START SUPPLIED DATA

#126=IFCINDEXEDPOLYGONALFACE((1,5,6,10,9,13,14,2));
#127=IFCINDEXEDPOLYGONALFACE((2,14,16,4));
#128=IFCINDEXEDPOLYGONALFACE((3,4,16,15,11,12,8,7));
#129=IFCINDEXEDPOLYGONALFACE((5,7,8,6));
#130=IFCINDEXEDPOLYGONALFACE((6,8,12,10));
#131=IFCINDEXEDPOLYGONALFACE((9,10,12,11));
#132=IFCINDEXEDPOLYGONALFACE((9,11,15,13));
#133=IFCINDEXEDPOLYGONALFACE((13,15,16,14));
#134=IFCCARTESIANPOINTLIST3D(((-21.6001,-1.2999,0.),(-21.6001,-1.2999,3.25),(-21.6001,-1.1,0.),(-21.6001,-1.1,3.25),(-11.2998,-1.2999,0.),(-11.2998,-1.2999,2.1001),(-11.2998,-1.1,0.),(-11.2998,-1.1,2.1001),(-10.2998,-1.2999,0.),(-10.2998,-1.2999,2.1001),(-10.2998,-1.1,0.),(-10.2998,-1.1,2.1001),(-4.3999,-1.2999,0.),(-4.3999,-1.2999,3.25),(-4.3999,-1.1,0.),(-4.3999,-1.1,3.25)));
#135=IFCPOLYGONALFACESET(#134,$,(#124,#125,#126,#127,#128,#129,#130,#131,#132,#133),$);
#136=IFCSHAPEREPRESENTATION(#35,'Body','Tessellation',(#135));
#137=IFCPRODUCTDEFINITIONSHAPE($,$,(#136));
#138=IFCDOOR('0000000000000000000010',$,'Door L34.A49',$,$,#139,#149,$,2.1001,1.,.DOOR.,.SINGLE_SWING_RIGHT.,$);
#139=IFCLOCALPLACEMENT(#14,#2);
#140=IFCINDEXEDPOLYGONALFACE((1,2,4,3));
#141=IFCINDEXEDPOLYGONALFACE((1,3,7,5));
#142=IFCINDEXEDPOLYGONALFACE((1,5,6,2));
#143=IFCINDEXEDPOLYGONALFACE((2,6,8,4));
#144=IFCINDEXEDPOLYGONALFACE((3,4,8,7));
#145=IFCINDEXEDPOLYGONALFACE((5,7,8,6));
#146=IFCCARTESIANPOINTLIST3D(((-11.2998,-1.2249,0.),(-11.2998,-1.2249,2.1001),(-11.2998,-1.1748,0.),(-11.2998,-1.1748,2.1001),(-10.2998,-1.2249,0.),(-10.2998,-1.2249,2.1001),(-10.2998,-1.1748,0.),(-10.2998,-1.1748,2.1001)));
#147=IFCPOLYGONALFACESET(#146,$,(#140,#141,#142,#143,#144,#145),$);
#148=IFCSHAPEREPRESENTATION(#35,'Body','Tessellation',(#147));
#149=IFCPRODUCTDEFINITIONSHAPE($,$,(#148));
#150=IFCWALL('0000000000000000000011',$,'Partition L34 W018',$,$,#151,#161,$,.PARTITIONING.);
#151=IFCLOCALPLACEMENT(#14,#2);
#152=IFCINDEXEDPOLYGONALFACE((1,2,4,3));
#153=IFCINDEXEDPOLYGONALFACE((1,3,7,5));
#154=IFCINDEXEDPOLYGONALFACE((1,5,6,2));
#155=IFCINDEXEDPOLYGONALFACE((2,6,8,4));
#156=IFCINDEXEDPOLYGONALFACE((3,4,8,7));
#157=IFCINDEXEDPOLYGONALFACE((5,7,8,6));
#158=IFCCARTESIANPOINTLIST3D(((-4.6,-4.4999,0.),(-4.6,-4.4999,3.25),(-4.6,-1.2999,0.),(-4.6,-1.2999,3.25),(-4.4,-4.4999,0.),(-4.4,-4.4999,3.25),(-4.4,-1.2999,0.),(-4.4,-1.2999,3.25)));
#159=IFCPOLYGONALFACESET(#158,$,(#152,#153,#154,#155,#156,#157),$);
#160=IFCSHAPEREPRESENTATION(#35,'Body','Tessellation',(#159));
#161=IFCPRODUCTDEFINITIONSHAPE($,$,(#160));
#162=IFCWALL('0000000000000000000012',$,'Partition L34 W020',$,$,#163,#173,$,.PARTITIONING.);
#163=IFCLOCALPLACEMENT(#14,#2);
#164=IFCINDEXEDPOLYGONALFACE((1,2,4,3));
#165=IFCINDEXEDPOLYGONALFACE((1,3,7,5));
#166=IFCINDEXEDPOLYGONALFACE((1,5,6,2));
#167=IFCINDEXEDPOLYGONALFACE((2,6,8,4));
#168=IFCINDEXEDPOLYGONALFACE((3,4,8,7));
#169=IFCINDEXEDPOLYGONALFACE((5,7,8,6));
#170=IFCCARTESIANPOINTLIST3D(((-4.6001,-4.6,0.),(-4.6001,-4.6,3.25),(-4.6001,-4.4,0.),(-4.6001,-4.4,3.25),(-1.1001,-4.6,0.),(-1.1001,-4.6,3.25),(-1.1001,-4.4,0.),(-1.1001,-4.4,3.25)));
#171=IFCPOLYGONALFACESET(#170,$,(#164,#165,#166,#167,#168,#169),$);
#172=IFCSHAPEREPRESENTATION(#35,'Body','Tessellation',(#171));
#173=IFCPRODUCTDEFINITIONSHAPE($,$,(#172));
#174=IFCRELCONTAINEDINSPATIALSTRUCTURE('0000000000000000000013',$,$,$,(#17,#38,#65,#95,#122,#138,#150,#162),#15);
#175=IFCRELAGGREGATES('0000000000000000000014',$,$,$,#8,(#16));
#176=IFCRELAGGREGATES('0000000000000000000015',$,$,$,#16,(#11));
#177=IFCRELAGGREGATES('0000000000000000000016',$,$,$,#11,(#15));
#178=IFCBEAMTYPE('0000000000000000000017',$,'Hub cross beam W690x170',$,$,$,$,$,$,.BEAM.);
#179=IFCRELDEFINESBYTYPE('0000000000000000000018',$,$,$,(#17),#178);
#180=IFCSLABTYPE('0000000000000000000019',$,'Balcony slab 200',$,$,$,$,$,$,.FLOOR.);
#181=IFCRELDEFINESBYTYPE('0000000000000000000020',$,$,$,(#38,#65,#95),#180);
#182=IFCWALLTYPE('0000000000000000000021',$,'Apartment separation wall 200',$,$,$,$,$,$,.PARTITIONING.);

END SUPPLIED DATA

The answer must be every line of the entries that includes the word "IFCRELAGGREGATES".

#175=IFCRELAGGREGATES('0000000000000000000014',$,$,$,#8,(#16));
#176=IFCRELAGGREGATES('0000000000000000000015',$,$,$,#16,(#11));
#177=IFCRELAGGREGATES('0000000000000000000016',$,$,$,#11,(#15));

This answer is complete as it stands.